(Saved data entries)
****************

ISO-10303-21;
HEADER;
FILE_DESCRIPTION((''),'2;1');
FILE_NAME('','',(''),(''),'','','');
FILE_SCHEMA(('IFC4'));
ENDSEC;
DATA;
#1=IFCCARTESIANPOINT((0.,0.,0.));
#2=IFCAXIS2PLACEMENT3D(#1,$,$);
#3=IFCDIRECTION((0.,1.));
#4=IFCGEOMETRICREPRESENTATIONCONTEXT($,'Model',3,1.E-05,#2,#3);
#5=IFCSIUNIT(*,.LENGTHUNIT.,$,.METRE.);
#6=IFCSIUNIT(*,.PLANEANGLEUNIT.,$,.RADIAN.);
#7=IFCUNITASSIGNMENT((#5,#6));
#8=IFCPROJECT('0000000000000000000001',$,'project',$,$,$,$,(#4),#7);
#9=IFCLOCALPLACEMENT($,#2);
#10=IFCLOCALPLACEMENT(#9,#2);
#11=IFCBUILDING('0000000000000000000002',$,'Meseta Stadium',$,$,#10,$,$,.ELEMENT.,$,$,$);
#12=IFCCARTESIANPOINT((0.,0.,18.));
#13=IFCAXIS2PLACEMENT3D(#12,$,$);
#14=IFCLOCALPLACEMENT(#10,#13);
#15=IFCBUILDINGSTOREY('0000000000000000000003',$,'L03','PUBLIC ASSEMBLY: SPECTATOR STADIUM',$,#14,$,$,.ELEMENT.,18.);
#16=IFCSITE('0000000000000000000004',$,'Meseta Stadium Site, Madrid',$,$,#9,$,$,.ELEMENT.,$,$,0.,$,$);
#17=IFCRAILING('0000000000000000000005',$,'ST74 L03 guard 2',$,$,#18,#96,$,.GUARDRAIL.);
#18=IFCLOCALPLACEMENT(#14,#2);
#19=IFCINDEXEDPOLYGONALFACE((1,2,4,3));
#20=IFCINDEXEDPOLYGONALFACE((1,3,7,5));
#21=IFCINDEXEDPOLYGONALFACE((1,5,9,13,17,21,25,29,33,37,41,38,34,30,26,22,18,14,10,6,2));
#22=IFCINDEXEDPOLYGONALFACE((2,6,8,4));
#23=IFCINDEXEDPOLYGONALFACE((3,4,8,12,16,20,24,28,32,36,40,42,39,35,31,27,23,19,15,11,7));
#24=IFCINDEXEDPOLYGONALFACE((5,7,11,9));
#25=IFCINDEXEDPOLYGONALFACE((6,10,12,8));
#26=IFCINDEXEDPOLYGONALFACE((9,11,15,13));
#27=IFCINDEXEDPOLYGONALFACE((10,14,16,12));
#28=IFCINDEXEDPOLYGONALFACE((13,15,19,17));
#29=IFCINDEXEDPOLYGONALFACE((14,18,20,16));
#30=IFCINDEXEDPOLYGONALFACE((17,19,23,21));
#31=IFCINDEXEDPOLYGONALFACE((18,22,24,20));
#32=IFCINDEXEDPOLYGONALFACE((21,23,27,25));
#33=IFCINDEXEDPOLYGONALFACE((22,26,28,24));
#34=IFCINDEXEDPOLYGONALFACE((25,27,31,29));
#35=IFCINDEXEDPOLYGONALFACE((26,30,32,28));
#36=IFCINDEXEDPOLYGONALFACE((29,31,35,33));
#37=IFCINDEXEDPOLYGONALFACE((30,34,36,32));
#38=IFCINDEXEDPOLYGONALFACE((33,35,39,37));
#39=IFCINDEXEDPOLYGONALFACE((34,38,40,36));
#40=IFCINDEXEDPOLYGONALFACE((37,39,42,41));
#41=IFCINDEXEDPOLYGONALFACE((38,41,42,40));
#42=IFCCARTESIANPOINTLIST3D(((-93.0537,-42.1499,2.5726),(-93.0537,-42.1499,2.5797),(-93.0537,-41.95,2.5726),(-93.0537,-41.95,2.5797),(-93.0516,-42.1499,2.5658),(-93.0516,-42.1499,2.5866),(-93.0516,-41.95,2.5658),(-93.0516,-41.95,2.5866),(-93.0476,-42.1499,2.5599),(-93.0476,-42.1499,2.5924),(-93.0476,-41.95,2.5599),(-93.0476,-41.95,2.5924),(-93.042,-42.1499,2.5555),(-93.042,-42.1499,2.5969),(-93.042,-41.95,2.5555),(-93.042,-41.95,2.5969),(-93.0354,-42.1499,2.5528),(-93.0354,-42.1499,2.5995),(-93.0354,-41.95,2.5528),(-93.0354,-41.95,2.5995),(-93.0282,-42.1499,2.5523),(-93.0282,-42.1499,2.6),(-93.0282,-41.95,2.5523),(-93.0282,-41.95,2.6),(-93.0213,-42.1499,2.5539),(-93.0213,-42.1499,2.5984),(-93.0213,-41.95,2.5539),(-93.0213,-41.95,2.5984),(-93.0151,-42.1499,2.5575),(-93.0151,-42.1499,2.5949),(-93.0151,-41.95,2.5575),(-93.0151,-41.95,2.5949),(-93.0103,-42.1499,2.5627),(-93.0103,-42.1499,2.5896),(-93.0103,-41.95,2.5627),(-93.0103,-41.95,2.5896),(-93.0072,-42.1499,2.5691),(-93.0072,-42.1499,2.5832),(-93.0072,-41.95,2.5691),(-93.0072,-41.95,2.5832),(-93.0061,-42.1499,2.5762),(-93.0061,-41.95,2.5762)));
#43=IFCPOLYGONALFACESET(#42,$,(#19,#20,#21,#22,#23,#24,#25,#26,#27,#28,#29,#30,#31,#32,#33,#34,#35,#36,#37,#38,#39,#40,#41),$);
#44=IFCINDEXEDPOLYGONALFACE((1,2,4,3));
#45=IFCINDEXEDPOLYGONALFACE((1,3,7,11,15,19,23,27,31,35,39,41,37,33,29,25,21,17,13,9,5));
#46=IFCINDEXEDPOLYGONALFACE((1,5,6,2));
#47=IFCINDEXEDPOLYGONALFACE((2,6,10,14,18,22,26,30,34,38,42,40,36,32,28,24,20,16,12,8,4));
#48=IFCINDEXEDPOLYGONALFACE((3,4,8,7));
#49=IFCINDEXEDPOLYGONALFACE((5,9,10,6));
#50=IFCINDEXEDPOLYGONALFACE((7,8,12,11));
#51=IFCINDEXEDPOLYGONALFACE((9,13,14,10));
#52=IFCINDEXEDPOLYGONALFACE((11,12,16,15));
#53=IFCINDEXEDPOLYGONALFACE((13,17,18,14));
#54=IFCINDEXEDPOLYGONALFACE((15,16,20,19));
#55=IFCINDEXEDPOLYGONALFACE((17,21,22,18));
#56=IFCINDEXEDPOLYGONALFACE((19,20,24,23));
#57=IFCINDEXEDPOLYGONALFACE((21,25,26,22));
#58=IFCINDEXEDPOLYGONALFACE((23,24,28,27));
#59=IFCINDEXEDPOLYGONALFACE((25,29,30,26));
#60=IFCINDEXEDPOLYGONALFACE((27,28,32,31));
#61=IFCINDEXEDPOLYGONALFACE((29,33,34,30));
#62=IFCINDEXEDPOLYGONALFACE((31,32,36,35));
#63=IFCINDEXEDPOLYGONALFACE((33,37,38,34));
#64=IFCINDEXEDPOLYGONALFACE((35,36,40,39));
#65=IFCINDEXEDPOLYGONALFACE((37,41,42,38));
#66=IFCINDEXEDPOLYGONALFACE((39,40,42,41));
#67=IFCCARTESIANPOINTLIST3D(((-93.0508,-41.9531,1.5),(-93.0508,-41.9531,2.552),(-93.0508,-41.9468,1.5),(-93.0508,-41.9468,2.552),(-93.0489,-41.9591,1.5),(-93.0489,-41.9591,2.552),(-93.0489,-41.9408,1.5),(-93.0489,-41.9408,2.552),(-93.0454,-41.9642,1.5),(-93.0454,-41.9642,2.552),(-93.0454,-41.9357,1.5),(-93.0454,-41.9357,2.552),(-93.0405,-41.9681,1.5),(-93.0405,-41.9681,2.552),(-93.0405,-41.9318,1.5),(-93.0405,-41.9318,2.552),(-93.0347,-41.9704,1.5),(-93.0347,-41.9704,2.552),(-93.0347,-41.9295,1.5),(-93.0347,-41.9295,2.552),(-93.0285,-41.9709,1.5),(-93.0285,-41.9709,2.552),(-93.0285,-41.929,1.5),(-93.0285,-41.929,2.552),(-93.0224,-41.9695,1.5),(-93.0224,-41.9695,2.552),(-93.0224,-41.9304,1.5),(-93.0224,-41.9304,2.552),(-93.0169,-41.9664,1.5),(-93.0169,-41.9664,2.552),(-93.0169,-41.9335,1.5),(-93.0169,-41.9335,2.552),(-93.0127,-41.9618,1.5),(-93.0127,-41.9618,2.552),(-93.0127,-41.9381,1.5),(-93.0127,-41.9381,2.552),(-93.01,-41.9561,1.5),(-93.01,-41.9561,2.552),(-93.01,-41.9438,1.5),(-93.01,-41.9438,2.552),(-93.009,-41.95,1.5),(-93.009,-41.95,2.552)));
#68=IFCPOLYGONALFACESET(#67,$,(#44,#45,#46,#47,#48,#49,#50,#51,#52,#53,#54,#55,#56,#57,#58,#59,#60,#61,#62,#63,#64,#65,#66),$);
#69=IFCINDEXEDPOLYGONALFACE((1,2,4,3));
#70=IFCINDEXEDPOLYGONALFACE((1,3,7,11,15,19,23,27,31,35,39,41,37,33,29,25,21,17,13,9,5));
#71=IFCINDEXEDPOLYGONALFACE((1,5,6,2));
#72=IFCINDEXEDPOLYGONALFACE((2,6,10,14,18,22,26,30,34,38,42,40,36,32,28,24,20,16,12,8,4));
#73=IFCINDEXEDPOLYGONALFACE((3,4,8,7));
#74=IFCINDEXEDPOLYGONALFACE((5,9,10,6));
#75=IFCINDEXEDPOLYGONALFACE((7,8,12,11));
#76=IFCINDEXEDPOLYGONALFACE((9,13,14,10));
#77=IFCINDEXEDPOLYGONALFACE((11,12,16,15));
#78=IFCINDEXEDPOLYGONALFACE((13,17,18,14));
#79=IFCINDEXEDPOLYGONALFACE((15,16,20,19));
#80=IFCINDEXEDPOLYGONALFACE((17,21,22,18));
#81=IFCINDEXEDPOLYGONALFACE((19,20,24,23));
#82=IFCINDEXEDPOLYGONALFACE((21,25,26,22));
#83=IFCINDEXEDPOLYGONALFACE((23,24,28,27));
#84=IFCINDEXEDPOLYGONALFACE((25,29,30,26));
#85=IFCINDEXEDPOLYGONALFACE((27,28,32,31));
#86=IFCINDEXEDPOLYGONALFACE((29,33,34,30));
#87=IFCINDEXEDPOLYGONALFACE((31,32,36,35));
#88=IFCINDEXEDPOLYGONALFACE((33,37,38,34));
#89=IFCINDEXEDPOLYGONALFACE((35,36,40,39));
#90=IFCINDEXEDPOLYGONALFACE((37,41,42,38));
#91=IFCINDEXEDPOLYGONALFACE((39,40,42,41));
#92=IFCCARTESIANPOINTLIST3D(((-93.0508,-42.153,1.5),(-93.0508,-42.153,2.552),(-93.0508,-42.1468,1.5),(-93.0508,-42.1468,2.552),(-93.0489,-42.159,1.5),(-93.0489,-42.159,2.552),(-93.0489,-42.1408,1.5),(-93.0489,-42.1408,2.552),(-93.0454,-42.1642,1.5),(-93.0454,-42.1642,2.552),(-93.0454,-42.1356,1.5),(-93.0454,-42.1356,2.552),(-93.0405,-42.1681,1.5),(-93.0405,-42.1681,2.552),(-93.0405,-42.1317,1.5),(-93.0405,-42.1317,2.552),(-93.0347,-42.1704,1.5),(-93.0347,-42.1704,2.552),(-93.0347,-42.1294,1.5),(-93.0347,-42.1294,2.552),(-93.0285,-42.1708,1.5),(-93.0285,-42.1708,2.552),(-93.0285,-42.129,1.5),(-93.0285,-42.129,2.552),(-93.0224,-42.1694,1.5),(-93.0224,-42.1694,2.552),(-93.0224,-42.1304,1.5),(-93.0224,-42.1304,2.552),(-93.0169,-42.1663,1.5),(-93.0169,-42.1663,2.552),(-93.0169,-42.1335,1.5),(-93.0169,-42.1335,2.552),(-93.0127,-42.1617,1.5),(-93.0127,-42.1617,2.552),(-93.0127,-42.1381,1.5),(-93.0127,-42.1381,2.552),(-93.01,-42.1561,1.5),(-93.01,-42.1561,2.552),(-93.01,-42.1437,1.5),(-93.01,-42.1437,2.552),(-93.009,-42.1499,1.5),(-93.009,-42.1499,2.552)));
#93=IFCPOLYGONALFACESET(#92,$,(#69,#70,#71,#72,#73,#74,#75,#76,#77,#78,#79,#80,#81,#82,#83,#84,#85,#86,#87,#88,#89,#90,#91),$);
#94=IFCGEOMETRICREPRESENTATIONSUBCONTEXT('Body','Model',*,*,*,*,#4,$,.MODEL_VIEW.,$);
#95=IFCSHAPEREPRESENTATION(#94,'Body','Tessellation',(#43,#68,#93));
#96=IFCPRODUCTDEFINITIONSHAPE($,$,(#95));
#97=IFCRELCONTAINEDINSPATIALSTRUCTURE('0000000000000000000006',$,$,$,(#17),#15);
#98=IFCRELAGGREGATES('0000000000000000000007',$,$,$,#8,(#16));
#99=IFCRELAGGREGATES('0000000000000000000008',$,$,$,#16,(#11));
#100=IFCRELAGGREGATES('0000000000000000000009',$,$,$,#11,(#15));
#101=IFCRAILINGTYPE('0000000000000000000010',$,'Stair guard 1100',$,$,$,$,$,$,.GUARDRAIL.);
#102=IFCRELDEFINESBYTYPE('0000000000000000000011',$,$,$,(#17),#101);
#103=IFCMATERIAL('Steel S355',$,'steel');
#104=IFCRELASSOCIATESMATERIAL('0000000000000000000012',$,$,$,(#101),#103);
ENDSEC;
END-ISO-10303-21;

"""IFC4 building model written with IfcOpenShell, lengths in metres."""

from ifc_helpers import new_model, si_unit, direction, frame, origin, origin_2d, place, context, subcontext, project, spatial, circle, extrude, material, type_object, element, save


model = new_model("IFC4")

# Units and contexts
model_context = context("Model", 3, precision=1e-05, world=origin(), true_north=direction((0.0, 1.0)))
body_context = subcontext(model_context, "Body", "Model", "MODEL_VIEW")
ifc_project = project(units=[si_unit("LENGTHUNIT", "METRE"), si_unit("PLANEANGLEUNIT", "RADIAN")], contexts=[model_context])

# Site, building, storey
site_placement = place(None, origin())
site = spatial("IfcSite", under=ifc_project, at=site_placement, Name="Meseta Stadium Site, Madrid", CompositionType="ELEMENT", RefElevation=0.0)
building_placement = place(site_placement, origin())
building = spatial("IfcBuilding", under=site, at=building_placement, Name="Meseta Stadium", CompositionType="ELEMENT")
storey_placement = place(building_placement, frame((0.0, 0.0, 18.0)))
storey = spatial("IfcBuildingStorey", under=building, at=storey_placement, Name="L03", Description="PUBLIC ASSEMBLY: SPECTATOR STADIUM", CompositionType="ELEMENT", Elevation=18.0)

# Railing
ifc_material_1 = material(Name="Steel S355", Category="steel")
railing_type_1 = type_object("IfcRailingType", Name="Stair guard 1100", PredefinedType="GUARDRAIL", material=ifc_material_1)
railing_1_placement = place(storey_placement, frame((-93.03, -41.95, 1.5)))
element("IfcRailing", 1, at=railing_1_placement, inside=storey, type_object=railing_type_1, Name="ST74 L03 guard 2", PredefinedType="GUARDRAIL", context=body_context, shape_type="SweptSolid", body=[
    extrude(circle(Radius=0.0239, at=origin_2d()), frame((0.0, 0.0, 1.0762), z_axis=(0.0, -1.0, 0.0), x_axis=(1.0, 0.0, 0.0)), (0.0, 0.0, 1.0), 0.2),
    extrude(circle(Radius=0.021, at=origin_2d()), origin(), (0.0, 0.0, 1.0), 1.052),
    extrude(circle(Radius=0.021, at=origin_2d()), frame((0.0, -0.2, 0.0)), (0.0, 0.0, 1.0), 1.052),
])

save(model, "model.ifc")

****************

EXERCISE:
In the entries above, the lines between the one holding "#5=IFCSIUNIT(*,.LENGTHUNIT.,$,.METRE.);" and the one holding "#28=IFCINDEXEDPOLYGONALFACE((13,15,19,17));", inclusive, are to be printed exactly as written, and those alone.

EXPECTED ANSWER:
#5=IFCSIUNIT(*,.LENGTHUNIT.,$,.METRE.);
#6=IFCSIUNIT(*,.PLANEANGLEUNIT.,$,.RADIAN.);
#7=IFCUNITASSIGNMENT((#5,#6));
#8=IFCPROJECT('0000000000000000000001',$,'project',$,$,$,$,(#4),#7);
#9=IFCLOCALPLACEMENT($,#2);
#10=IFCLOCALPLACEMENT(#9,#2);
#11=IFCBUILDING('0000000000000000000002',$,'Meseta Stadium',$,$,#10,$,$,.ELEMENT.,$,$,$);
#12=IFCCARTESIANPOINT((0.,0.,18.));
#13=IFCAXIS2PLACEMENT3D(#12,$,$);
#14=IFCLOCALPLACEMENT(#10,#13);
#15=IFCBUILDINGSTOREY('0000000000000000000003',$,'L03','PUBLIC ASSEMBLY: SPECTATOR STADIUM',$,#14,$,$,.ELEMENT.,18.);
#16=IFCSITE('0000000000000000000004',$,'Meseta Stadium Site, Madrid',$,$,#9,$,$,.ELEMENT.,$,$,0.,$,$);
#17=IFCRAILING('0000000000000000000005',$,'ST74 L03 guard 2',$,$,#18,#96,$,.GUARDRAIL.);
#18=IFCLOCALPLACEMENT(#14,#2);
#19=IFCINDEXEDPOLYGONALFACE((1,2,4,3));
#20=IFCINDEXEDPOLYGONALFACE((1,3,7,5));
#21=IFCINDEXEDPOLYGONALFACE((1,5,9,13,17,21,25,29,33,37,41,38,34,30,26,22,18,14,10,6,2));
#22=IFCINDEXEDPOLYGONALFACE((2,6,8,4));
#23=IFCINDEXEDPOLYGONALFACE((3,4,8,12,16,20,24,28,32,36,40,42,39,35,31,27,23,19,15,11,7));
#24=IFCINDEXEDPOLYGONALFACE((5,7,11,9));
#25=IFCINDEXEDPOLYGONALFACE((6,10,12,8));
#26=IFCINDEXEDPOLYGONALFACE((9,11,15,13));
#27=IFCINDEXEDPOLYGONALFACE((10,14,16,12));
#28=IFCINDEXEDPOLYGONALFACE((13,15,19,17));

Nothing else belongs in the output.